The count of lines below that include the string "IFCPOLYGONALFACESET" is the whole answer.

Collected data:
--- START ---

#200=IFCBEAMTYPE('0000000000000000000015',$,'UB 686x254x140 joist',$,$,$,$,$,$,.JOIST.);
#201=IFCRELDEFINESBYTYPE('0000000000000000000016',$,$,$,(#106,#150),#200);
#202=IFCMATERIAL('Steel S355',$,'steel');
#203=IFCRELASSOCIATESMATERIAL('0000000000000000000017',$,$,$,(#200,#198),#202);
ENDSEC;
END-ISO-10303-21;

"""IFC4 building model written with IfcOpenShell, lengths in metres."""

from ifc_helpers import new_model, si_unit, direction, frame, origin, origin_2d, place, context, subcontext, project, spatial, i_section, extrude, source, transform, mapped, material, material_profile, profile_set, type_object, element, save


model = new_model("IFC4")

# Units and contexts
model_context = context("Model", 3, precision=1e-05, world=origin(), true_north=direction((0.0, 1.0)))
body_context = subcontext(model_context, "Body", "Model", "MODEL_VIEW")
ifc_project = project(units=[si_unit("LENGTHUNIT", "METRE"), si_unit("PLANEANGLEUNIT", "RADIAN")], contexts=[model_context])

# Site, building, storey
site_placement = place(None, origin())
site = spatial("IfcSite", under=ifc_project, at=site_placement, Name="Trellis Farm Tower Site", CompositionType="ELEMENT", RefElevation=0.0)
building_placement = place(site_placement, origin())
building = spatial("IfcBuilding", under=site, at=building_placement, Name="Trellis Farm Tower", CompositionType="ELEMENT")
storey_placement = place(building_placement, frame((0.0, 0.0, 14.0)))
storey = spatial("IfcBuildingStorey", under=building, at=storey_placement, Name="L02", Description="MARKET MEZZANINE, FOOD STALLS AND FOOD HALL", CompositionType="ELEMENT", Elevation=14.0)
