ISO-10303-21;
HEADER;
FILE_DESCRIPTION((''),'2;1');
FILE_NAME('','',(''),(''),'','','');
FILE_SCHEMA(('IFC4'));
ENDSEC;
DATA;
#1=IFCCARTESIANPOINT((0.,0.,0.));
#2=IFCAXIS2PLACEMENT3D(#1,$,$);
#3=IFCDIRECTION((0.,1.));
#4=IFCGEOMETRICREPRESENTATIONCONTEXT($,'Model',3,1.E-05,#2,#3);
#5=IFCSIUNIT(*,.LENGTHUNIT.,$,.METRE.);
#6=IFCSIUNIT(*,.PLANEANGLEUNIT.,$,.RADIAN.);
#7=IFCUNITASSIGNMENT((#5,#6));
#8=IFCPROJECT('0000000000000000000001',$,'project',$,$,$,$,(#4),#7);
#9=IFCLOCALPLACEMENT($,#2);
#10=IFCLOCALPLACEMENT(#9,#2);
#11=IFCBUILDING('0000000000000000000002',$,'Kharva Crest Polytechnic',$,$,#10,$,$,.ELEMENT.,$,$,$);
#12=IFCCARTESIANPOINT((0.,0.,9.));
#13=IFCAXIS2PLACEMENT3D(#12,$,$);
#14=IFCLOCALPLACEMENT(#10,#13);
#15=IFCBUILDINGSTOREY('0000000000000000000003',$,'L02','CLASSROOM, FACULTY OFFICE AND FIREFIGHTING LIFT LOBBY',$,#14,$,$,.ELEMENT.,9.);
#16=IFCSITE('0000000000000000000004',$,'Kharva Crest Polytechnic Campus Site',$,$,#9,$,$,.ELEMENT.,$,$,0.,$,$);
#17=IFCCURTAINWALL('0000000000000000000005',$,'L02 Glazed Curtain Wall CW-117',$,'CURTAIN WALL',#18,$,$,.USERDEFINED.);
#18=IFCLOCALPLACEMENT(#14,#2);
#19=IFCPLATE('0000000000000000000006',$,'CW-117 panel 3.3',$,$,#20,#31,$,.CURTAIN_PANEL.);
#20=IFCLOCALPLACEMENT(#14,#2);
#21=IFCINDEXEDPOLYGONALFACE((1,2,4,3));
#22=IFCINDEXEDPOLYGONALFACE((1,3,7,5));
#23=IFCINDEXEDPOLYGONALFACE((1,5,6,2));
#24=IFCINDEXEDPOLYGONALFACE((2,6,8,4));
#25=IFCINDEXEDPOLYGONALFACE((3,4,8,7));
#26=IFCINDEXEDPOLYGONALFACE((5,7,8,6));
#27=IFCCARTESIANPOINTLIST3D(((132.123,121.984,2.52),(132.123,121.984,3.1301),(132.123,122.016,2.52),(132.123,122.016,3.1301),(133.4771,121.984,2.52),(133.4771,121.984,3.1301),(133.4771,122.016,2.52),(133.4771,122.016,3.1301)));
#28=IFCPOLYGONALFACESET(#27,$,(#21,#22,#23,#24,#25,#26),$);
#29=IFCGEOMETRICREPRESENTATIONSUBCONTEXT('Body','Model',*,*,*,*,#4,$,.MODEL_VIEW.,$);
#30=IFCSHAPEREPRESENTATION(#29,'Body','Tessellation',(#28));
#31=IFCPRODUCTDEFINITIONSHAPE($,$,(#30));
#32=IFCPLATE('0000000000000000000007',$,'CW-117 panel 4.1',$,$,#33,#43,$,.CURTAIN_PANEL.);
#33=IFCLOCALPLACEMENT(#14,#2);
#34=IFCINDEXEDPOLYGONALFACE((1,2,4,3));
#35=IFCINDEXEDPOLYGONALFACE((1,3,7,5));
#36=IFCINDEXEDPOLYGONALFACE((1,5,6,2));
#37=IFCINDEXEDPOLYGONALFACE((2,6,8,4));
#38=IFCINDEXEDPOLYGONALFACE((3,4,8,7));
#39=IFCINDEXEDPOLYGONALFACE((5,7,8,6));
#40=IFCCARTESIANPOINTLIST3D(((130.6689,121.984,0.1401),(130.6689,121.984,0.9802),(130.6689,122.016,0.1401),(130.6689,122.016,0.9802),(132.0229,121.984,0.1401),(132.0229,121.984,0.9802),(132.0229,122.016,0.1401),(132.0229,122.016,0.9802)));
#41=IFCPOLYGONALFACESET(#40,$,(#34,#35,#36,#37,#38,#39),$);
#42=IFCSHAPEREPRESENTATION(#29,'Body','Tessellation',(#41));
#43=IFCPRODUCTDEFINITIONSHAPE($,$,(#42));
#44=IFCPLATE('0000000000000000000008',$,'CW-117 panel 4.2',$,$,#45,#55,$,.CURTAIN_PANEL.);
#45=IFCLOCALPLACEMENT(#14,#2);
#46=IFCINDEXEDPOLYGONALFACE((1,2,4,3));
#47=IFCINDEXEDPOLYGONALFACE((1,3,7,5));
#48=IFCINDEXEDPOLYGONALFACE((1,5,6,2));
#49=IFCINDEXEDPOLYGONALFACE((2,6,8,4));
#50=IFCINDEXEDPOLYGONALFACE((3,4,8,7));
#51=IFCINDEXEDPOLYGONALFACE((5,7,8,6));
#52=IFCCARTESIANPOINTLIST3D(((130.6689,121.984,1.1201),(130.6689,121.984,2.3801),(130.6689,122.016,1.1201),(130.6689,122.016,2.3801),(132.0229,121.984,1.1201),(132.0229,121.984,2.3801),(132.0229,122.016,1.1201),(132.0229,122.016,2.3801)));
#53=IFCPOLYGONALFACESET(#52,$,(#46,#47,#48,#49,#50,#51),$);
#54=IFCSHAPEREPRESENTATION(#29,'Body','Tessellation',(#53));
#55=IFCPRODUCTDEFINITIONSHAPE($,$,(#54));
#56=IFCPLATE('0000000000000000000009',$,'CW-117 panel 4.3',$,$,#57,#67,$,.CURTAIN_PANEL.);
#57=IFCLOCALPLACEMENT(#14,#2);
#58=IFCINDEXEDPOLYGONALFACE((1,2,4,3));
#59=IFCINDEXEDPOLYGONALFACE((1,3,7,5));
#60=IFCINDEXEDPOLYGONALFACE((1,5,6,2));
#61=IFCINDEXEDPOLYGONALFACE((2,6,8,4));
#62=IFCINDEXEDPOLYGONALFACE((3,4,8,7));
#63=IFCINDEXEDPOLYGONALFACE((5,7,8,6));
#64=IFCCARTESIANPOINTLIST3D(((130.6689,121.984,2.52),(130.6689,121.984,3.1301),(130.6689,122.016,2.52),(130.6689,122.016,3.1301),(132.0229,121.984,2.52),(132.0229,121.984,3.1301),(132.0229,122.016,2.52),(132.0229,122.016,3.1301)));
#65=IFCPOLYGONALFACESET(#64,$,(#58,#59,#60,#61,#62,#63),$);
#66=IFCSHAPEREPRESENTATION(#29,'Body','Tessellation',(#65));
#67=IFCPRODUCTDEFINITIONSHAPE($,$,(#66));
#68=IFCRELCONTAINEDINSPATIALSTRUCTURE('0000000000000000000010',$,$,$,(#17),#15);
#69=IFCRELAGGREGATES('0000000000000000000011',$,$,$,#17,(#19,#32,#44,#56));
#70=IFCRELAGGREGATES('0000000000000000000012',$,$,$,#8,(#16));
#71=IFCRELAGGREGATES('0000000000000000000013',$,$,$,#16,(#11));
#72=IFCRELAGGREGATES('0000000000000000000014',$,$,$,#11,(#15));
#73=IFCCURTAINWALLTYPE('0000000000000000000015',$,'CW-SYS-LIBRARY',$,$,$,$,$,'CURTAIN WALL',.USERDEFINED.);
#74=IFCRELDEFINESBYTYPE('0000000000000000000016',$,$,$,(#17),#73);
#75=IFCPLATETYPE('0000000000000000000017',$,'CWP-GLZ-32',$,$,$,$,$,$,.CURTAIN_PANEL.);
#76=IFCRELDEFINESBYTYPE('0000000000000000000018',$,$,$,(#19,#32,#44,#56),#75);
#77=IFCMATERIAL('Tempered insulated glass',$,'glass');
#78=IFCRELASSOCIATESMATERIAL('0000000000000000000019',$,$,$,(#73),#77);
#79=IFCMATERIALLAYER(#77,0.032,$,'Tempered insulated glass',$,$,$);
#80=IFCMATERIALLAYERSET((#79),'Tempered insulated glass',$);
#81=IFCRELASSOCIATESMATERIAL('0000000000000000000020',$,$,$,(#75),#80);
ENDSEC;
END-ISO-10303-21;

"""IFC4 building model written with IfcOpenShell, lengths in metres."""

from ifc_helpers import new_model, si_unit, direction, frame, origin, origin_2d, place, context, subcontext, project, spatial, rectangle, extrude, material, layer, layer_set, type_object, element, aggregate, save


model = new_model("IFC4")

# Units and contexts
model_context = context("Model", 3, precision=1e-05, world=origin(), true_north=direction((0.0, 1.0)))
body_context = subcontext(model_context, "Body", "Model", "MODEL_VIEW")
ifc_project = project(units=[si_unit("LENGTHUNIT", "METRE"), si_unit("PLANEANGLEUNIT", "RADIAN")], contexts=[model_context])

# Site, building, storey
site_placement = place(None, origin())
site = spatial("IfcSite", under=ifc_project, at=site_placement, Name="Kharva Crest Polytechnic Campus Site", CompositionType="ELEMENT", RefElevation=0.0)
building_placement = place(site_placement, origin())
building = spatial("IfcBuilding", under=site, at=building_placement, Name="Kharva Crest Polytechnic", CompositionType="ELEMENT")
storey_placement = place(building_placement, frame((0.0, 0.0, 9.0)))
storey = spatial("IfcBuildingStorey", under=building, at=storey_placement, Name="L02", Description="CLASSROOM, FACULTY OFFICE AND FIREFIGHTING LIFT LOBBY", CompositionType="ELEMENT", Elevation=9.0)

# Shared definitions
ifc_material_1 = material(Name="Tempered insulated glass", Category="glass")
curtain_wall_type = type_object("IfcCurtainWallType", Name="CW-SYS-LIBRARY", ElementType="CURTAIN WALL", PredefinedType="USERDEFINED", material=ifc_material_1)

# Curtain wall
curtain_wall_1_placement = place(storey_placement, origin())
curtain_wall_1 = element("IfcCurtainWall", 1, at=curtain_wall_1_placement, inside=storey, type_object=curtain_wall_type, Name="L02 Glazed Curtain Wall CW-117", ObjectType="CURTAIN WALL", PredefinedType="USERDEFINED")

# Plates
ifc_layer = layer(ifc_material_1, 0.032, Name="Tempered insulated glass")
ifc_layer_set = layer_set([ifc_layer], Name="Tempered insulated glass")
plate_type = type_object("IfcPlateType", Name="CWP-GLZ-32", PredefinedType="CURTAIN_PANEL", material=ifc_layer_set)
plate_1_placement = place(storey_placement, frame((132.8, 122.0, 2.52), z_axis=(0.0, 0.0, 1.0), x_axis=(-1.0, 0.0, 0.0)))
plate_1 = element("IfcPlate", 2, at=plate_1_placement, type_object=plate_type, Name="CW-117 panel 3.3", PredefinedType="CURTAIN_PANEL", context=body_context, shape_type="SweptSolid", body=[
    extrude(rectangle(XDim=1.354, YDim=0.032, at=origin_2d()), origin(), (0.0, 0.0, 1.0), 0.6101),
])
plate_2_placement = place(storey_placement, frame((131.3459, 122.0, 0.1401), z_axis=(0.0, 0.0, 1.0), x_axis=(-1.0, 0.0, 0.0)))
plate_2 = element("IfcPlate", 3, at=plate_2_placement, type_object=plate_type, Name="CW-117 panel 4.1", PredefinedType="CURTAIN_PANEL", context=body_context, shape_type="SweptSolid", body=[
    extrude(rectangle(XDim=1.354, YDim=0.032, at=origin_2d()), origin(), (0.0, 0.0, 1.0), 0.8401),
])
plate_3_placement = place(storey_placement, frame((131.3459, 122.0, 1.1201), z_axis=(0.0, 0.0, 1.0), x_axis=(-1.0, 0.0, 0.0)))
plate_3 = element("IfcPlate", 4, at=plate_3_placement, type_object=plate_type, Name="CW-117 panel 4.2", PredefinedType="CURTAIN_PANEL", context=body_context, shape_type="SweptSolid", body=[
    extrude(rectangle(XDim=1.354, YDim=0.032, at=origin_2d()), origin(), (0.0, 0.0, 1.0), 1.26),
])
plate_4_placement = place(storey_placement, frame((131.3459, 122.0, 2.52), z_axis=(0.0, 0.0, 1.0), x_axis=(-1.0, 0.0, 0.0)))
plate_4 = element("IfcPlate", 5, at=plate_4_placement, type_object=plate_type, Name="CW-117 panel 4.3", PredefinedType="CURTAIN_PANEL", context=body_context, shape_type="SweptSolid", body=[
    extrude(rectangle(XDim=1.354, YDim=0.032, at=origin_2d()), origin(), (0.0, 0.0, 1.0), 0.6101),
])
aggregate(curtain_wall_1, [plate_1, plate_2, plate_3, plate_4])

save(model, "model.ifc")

--- END ---

**WRITTEN SOLUTION:** 4